- **YOUR OBJECTIVE**
Count the lines below that contain the word "contexts", and give only that number.

Dataset entries
((

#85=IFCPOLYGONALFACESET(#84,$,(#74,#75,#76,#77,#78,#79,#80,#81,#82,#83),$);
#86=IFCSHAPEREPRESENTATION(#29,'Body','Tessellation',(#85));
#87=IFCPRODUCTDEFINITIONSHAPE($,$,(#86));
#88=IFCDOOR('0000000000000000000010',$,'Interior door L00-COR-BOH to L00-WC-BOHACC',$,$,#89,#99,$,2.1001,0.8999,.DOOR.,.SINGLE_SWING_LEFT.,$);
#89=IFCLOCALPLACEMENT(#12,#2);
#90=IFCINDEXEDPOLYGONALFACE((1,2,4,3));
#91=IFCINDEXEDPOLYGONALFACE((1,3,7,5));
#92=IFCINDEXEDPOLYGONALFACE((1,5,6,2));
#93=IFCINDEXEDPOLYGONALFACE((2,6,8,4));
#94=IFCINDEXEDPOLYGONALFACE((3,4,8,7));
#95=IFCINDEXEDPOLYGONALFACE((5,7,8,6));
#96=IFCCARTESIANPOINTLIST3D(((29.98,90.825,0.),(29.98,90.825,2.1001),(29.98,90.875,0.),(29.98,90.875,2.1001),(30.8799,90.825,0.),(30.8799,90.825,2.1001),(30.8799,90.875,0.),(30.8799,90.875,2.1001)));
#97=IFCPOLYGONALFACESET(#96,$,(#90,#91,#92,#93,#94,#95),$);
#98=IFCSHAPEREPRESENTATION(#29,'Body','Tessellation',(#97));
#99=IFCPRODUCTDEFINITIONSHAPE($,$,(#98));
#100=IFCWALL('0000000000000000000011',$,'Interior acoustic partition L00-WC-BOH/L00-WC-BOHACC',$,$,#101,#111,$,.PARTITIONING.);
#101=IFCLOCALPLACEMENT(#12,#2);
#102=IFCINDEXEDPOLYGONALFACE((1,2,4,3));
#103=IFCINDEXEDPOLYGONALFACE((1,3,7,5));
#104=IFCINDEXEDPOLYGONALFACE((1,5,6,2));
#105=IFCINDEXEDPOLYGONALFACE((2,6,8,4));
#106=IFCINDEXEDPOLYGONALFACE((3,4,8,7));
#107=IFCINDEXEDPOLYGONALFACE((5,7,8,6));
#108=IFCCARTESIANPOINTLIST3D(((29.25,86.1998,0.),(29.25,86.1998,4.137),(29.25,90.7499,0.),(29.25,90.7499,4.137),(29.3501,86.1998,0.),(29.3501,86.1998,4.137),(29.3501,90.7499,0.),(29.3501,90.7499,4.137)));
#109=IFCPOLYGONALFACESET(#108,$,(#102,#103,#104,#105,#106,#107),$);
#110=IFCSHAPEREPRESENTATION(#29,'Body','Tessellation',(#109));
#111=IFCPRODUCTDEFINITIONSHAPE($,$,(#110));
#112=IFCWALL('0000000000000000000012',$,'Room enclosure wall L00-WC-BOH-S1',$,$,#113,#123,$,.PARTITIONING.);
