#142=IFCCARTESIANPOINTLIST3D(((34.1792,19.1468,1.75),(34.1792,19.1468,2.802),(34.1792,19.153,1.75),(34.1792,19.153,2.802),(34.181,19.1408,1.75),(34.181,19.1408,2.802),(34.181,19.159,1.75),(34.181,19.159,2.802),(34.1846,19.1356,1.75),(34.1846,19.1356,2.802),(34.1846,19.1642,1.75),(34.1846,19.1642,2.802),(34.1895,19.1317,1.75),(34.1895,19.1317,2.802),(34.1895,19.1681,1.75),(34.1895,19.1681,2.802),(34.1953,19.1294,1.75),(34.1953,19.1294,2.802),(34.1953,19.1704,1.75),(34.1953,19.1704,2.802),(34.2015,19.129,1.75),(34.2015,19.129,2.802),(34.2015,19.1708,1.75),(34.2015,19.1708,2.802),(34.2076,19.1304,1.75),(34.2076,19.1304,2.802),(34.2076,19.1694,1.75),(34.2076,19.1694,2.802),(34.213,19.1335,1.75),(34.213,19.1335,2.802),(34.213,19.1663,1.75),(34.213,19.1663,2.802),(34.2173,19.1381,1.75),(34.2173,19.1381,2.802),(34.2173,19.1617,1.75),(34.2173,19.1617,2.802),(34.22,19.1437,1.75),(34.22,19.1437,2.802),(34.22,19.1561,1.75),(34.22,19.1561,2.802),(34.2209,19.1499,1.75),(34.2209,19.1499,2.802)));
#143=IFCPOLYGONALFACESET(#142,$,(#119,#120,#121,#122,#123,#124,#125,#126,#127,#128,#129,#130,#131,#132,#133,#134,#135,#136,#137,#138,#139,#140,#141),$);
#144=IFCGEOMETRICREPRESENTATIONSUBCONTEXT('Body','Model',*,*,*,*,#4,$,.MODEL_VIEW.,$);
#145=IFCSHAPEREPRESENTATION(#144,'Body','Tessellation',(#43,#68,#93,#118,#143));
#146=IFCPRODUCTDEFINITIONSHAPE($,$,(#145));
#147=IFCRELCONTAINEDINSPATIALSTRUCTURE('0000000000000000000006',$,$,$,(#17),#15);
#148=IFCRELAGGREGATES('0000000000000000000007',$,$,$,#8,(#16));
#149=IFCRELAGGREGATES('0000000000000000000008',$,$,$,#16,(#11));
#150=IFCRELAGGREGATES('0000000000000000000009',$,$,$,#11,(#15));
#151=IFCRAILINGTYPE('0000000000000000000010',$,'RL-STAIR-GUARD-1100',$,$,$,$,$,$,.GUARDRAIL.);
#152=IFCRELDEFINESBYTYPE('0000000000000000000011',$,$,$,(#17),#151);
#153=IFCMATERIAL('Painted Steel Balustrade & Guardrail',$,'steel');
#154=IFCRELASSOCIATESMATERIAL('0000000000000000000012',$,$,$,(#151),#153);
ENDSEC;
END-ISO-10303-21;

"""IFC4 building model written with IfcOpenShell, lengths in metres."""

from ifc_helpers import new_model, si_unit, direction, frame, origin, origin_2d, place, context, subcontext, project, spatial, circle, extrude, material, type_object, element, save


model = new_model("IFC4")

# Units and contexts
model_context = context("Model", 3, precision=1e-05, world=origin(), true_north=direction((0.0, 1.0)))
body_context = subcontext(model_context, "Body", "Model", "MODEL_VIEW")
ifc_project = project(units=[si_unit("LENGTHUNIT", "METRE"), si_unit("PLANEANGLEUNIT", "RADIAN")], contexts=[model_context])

))

- **OUTPUT**
2